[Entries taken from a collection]
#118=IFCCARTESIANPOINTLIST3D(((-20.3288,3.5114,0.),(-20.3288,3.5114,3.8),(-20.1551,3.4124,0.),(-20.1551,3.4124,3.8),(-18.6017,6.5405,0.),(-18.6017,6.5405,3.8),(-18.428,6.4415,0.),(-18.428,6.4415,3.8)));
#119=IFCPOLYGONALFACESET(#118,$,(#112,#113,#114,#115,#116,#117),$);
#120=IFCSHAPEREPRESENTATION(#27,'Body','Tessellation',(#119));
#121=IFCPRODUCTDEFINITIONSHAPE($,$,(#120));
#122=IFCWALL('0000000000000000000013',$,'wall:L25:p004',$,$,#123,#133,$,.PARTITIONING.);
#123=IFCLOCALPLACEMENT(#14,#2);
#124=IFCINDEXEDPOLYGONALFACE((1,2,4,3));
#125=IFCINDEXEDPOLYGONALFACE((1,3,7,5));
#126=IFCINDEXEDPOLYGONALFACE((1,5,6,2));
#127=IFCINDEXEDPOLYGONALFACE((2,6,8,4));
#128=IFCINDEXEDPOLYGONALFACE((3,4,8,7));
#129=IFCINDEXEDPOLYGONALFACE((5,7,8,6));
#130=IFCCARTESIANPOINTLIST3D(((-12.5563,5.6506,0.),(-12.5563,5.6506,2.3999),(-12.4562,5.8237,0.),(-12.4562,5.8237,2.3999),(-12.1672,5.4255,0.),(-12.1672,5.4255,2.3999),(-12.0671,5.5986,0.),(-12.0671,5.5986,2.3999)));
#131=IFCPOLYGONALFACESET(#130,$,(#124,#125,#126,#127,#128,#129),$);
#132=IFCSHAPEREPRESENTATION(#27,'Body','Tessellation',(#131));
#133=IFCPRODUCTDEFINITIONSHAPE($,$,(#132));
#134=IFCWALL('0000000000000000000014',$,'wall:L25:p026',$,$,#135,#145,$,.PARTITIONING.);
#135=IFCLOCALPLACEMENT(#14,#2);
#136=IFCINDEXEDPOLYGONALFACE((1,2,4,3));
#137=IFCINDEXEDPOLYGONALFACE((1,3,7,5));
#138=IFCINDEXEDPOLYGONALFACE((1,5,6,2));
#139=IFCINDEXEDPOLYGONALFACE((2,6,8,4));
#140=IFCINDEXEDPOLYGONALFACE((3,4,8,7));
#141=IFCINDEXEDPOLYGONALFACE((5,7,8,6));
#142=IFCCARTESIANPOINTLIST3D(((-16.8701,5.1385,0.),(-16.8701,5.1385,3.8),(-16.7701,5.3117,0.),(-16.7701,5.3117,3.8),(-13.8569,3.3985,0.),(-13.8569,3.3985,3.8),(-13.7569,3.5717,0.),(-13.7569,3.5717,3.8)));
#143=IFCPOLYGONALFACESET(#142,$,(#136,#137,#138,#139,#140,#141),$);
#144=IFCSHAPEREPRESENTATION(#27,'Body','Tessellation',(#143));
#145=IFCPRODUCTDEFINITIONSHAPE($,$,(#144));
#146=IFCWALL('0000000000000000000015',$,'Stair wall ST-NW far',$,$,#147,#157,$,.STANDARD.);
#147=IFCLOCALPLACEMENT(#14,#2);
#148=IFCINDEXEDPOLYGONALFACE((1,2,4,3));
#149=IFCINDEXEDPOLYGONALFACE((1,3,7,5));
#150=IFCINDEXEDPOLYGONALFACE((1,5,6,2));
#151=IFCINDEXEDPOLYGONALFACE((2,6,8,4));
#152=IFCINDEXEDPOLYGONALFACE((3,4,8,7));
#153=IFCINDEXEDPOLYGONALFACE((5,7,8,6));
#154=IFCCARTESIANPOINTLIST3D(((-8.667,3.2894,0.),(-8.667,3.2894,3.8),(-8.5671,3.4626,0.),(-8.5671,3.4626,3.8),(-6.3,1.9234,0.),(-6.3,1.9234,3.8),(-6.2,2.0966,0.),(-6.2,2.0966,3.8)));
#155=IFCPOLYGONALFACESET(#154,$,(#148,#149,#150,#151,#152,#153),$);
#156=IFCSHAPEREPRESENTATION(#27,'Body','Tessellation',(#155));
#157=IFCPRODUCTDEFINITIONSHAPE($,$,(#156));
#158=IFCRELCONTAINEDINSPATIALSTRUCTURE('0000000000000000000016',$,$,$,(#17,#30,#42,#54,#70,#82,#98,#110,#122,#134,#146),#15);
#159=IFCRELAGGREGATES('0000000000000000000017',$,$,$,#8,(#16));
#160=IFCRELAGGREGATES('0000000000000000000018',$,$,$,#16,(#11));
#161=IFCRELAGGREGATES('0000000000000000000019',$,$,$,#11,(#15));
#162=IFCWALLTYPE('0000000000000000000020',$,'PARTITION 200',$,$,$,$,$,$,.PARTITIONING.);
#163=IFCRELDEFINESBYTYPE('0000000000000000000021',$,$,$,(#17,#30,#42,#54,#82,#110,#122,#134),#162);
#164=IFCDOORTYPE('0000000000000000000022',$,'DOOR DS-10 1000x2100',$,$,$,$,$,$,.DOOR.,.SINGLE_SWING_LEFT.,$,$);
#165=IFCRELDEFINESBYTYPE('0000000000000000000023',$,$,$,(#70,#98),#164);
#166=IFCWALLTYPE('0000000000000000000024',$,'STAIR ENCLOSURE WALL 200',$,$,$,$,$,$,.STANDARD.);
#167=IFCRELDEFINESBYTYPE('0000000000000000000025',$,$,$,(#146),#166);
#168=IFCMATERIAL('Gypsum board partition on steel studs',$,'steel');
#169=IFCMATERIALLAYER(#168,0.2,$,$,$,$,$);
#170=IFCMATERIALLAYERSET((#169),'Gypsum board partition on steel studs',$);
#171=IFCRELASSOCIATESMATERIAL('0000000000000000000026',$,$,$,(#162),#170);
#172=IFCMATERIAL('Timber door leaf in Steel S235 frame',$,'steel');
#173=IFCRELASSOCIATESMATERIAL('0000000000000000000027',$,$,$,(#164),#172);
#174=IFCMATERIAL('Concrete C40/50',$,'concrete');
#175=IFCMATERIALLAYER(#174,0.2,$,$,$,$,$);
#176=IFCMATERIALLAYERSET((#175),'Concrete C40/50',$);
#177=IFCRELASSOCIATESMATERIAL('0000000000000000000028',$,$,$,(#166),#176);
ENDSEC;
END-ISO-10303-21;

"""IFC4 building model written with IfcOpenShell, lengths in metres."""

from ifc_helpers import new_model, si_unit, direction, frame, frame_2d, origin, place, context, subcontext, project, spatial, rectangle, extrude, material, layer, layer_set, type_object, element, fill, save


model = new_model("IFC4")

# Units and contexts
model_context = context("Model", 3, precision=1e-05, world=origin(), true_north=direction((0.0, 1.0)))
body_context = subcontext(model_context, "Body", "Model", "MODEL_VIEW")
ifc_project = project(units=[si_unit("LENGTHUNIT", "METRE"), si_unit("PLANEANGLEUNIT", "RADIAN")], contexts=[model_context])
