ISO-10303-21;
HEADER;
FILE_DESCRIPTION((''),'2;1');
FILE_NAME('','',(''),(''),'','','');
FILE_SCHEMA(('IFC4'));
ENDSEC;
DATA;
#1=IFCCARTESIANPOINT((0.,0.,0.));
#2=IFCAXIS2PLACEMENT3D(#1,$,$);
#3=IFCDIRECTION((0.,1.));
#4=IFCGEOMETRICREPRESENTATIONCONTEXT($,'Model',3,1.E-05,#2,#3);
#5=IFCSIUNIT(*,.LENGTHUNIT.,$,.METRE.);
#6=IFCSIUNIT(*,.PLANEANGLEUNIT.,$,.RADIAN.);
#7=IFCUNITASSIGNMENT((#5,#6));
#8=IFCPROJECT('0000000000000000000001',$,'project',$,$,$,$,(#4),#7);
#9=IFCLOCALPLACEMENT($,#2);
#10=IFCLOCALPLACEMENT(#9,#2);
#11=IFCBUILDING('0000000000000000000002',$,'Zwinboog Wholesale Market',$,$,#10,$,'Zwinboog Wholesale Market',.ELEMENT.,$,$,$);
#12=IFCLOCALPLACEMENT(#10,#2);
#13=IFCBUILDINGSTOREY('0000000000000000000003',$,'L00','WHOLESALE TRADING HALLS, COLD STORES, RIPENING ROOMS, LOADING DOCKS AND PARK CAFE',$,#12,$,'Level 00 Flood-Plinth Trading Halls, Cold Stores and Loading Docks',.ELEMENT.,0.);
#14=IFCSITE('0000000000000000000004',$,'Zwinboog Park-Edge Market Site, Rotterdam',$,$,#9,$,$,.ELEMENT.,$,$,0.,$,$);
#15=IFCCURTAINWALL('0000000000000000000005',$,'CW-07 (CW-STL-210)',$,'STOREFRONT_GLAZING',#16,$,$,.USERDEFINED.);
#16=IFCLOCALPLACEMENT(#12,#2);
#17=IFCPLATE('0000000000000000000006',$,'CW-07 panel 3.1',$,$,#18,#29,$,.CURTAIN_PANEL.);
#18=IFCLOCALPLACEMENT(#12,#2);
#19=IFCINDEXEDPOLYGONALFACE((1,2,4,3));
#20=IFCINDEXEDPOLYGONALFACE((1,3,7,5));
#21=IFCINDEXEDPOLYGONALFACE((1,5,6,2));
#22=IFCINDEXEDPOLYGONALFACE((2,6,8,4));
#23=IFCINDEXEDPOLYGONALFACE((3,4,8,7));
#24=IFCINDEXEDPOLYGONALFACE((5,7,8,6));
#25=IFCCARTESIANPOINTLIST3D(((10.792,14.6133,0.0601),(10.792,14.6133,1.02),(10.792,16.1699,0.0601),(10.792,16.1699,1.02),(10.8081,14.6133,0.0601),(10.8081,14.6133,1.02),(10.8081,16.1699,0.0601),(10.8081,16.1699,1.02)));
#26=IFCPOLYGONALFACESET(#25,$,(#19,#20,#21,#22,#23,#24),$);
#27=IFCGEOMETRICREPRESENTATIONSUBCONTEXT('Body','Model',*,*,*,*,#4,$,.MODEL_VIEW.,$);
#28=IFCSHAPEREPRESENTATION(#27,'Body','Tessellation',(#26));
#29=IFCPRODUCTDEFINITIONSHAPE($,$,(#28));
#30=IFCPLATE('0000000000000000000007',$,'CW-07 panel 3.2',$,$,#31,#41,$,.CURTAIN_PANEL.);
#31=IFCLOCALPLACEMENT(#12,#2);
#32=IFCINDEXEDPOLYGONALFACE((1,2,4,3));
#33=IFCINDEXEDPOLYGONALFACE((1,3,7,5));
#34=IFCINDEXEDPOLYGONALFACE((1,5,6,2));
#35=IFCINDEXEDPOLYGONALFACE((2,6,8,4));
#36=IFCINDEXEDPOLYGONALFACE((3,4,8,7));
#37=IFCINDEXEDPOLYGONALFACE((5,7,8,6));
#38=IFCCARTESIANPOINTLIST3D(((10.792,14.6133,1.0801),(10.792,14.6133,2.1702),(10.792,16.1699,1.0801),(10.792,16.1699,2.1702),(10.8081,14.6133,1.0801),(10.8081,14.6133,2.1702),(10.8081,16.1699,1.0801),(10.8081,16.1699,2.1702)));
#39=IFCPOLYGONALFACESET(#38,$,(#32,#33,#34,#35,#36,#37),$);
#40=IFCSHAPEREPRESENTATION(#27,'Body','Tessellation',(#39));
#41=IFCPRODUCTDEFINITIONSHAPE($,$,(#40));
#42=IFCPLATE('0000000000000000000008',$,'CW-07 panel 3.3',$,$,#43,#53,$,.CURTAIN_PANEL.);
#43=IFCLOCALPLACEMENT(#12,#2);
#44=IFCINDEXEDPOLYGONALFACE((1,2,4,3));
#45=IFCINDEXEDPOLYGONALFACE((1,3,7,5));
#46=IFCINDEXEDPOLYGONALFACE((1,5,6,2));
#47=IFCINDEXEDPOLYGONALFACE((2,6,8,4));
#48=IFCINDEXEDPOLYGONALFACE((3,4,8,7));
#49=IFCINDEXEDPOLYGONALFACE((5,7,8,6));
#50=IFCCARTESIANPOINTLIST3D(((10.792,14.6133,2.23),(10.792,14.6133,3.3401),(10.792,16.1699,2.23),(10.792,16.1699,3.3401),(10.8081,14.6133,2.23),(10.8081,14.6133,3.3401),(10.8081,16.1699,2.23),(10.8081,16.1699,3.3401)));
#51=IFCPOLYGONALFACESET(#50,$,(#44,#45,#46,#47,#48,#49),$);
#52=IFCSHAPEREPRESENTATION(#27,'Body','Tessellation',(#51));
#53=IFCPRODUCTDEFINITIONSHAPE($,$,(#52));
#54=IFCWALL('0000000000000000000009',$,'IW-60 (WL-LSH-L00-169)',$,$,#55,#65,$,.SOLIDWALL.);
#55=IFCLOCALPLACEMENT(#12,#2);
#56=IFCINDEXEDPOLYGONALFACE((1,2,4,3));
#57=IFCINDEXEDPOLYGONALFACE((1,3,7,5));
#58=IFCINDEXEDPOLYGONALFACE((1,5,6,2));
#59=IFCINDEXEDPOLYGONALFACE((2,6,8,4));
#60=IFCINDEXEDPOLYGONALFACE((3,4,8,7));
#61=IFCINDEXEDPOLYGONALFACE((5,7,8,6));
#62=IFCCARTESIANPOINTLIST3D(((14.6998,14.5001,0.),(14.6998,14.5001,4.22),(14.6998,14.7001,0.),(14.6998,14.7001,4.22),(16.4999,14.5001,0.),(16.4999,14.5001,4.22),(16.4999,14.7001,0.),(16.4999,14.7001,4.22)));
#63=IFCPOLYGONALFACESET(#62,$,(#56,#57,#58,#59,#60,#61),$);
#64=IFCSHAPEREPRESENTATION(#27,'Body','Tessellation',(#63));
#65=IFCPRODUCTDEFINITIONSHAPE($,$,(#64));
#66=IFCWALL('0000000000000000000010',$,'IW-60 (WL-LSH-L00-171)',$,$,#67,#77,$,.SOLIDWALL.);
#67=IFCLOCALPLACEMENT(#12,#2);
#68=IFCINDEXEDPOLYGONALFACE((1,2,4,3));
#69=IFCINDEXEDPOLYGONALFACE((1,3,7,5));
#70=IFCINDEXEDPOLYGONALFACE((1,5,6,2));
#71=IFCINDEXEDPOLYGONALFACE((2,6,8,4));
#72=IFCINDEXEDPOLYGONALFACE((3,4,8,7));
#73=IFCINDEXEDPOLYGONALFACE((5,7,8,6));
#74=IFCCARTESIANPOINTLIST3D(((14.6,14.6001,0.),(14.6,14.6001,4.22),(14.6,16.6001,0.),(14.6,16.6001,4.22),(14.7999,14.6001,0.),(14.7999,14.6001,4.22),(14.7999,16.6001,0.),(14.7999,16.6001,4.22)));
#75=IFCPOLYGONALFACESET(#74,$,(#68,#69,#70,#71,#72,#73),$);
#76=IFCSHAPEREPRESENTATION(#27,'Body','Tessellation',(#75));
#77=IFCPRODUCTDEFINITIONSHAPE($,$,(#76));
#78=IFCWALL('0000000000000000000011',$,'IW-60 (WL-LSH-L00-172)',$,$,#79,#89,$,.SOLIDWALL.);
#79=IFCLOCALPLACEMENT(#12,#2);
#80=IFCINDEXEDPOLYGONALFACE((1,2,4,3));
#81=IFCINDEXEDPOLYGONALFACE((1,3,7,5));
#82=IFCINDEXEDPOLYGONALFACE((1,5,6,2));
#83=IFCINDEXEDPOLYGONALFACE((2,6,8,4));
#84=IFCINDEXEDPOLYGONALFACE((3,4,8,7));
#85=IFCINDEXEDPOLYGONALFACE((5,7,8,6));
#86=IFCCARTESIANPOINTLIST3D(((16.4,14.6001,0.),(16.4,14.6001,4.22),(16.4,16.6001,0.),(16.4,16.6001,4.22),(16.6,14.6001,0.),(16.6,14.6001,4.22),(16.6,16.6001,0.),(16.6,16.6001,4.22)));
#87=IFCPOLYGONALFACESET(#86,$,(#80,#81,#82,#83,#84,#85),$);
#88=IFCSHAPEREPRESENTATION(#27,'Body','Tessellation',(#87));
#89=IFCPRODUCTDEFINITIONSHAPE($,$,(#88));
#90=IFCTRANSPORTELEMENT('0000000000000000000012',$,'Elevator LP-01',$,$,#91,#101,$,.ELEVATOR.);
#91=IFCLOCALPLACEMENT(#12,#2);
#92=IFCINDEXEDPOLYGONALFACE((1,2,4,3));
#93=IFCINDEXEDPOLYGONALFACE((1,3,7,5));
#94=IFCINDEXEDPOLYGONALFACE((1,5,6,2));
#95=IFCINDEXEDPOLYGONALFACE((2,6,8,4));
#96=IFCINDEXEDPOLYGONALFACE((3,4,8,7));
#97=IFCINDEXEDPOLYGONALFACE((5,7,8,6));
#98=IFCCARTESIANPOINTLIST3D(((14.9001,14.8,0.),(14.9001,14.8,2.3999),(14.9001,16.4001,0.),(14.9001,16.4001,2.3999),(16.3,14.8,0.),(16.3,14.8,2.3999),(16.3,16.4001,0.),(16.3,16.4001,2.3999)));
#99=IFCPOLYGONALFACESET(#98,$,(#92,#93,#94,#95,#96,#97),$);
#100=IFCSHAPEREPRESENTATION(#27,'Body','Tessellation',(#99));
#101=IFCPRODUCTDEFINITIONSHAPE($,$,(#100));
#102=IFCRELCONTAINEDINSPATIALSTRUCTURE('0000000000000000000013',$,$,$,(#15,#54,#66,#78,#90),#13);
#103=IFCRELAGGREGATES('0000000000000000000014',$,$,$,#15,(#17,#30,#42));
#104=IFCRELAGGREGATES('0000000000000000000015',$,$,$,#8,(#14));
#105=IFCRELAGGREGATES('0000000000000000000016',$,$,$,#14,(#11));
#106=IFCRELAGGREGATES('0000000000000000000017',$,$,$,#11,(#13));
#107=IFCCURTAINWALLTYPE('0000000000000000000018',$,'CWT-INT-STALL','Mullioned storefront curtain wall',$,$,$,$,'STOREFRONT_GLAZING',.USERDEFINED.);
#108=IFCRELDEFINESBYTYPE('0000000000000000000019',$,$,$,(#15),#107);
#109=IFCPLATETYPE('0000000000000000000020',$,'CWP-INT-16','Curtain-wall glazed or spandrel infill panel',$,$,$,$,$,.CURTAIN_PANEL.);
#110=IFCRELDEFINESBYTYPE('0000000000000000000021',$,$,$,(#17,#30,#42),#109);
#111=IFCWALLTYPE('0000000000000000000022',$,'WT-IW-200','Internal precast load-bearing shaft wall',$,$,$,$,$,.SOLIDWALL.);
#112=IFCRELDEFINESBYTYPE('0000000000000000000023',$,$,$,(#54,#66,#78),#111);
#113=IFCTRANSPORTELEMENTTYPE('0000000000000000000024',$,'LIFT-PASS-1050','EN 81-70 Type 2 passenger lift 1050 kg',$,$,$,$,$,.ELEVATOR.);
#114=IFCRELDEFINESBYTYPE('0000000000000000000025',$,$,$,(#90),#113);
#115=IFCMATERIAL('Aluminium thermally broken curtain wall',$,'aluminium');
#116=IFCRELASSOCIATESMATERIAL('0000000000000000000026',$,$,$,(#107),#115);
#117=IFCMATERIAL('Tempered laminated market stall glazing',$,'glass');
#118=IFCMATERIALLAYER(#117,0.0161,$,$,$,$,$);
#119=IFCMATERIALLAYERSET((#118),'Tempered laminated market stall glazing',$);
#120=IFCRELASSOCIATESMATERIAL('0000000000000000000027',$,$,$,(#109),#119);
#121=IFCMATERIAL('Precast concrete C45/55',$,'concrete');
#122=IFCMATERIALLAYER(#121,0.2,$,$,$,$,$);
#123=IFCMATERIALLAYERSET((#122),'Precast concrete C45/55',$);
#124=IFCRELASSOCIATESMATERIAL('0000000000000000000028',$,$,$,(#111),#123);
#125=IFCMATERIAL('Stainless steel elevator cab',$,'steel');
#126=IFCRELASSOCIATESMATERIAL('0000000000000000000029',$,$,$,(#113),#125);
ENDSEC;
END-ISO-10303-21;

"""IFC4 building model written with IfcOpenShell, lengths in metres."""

from ifc_helpers import new_model, si_unit, direction, frame, frame_2d, origin, origin_2d, place, context, subcontext, project, spatial, rectangle, extrude, material, layer, layer_set, type_object, element, aggregate, save


model = new_model("IFC4")

# Units and contexts
model_context = context("Model", 3, precision=1e-05, world=origin(), true_north=direction((0.0, 1.0)))
body_context = subcontext(model_context, "Body", "Model", "MODEL_VIEW")
ifc_project = project(units=[si_unit("LENGTHUNIT", "METRE"), si_unit("PLANEANGLEUNIT", "RADIAN")], contexts=[model_context])

# Site, building, storey
site_placement = place(None, origin())
site = spatial("IfcSite", under=ifc_project, at=site_placement, Name="Zwinboog Park-Edge Market Site, Rotterdam", CompositionType="ELEMENT", RefElevation=0.0)
building_placement = place(site_placement, origin())
building = spatial("IfcBuilding", under=site, at=building_placement, Name="Zwinboog Wholesale Market", LongName="Zwinboog Wholesale Market", CompositionType="ELEMENT")
storey_placement = place(building_placement, origin())
storey = spatial("IfcBuildingStorey", under=building, at=storey_placement, Name="L00", Description="WHOLESALE TRADING HALLS, COLD STORES, RIPENING ROOMS, LOADING DOCKS AND PARK CAFE", LongName="Level 00 Flood-Plinth Trading Halls, Cold Stores and Loading Docks", CompositionType="ELEMENT", Elevation=0.0)

# Curtain wall, plates
ifc_material_1 = material(Name="Aluminium thermally broken curtain wall", Category="aluminium")
curtain_wall_type = type_object("IfcCurtainWallType", Name="CWT-INT-STALL", Description="Mullioned storefront curtain wall", ElementType="STOREFRONT_GLAZING", PredefinedType="USERDEFINED", material=ifc_material_1)
curtain_wall_placement = place(storey_placement, origin())
curtain_wall = element("IfcCurtainWall", 1, at=curtain_wall_placement, inside=storey, type_object=curtain_wall_type, Name="CW-07 (CW-STL-210)", ObjectType="STOREFRONT_GLAZING", PredefinedType="USERDEFINED")
ifc_material_2 = material(Name="Tempered laminated market stall glazing", Category="glass")
ifc_layer_1 = layer(ifc_material_2, 0.0161)
ifc_layer_set_1 = layer_set([ifc_layer_1], Name="Tempered laminated market stall glazing")
plate_type = type_object("IfcPlateType", Name="CWP-INT-16", Description="Curtain-wall glazed or spandrel infill panel", PredefinedType="CURTAIN_PANEL", material=ifc_layer_set_1)
plate_1_placement = place(storey_placement, frame((10.8, 15.3916, 0.0601), z_axis=(0.0, 0.0, 1.0), x_axis=(0.0, 1.0, 0.0)))
plate_1 = element("IfcPlate", 2, at=plate_1_placement, type_object=plate_type, Name="CW-07 panel 3.1", PredefinedType="CURTAIN_PANEL", context=body_context, shape_type="SweptSolid", body=[
    extrude(rectangle(XDim=1.5566, YDim=0.0161, at=origin_2d()), origin(), (0.0, 0.0, 1.0), 0.96),
])
plate_2_placement = place(storey_placement, frame((10.8, 15.3916, 1.0801), z_axis=(0.0, 0.0, 1.0), x_axis=(0.0, 1.0, 0.0)))
plate_2 = element("IfcPlate", 3, at=plate_2_placement, type_object=plate_type, Name="CW-07 panel 3.2", PredefinedType="CURTAIN_PANEL", context=body_context, shape_type="SweptSolid", body=[
    extrude(rectangle(XDim=1.5566, YDim=0.0161, at=origin_2d()), origin(), (0.0, 0.0, 1.0), 1.0901),
])
plate_3_placement = place(storey_placement, frame((10.8, 15.3916, 2.23), z_axis=(0.0, 0.0, 1.0), x_axis=(0.0, 1.0, 0.0)))
plate_3 = element("IfcPlate", 4, at=plate_3_placement, type_object=plate_type, Name="CW-07 panel 3.3", PredefinedType="CURTAIN_PANEL", context=body_context, shape_type="SweptSolid", body=[
    extrude(rectangle(XDim=1.5566, YDim=0.0161, at=origin_2d()), origin(), (0.0, 0.0, 1.0), 1.1101),
])
aggregate(curtain_wall, [plate_1, plate_2, plate_3])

WORK REQUEST >> Give again exactly, and only, the lines above starting at the one with "#81=IFCINDEXEDPOLYGONALFACE((1,3,7,5));" and ending at the one with "#101=IFCPRODUCTDEFINITIONSHAPE($,$,(#100));".

YOUR SOLUTION >>
#81=IFCINDEXEDPOLYGONALFACE((1,3,7,5));
#82=IFCINDEXEDPOLYGONALFACE((1,5,6,2));
#83=IFCINDEXEDPOLYGONALFACE((2,6,8,4));
#84=IFCINDEXEDPOLYGONALFACE((3,4,8,7));
#85=IFCINDEXEDPOLYGONALFACE((5,7,8,6));
#86=IFCCARTESIANPOINTLIST3D(((16.4,14.6001,0.),(16.4,14.6001,4.22),(16.4,16.6001,0.),(16.4,16.6001,4.22),(16.6,14.6001,0.),(16.6,14.6001,4.22),(16.6,16.6001,0.),(16.6,16.6001,4.22)));
#87=IFCPOLYGONALFACESET(#86,$,(#80,#81,#82,#83,#84,#85),$);
#88=IFCSHAPEREPRESENTATION(#27,'Body','Tessellation',(#87));
#89=IFCPRODUCTDEFINITIONSHAPE($,$,(#88));
#90=IFCTRANSPORTELEMENT('0000000000000000000012',$,'Elevator LP-01',$,$,#91,#101,$,.ELEVATOR.);
#91=IFCLOCALPLACEMENT(#12,#2);
#92=IFCINDEXEDPOLYGONALFACE((1,2,4,3));
#93=IFCINDEXEDPOLYGONALFACE((1,3,7,5));
#94=IFCINDEXEDPOLYGONALFACE((1,5,6,2));
#95=IFCINDEXEDPOLYGONALFACE((2,6,8,4));
#96=IFCINDEXEDPOLYGONALFACE((3,4,8,7));
#97=IFCINDEXEDPOLYGONALFACE((5,7,8,6));
#98=IFCCARTESIANPOINTLIST3D(((14.9001,14.8,0.),(14.9001,14.8,2.3999),(14.9001,16.4001,0.),(14.9001,16.4001,2.3999),(16.3,14.8,0.),(16.3,14.8,2.3999),(16.3,16.4001,0.),(16.3,16.4001,2.3999)));
#99=IFCPOLYGONALFACESET(#98,$,(#92,#93,#94,#95,#96,#97),$);
#100=IFCSHAPEREPRESENTATION(#27,'Body','Tessellation',(#99));
#101=IFCPRODUCTDEFINITIONSHAPE($,$,(#100));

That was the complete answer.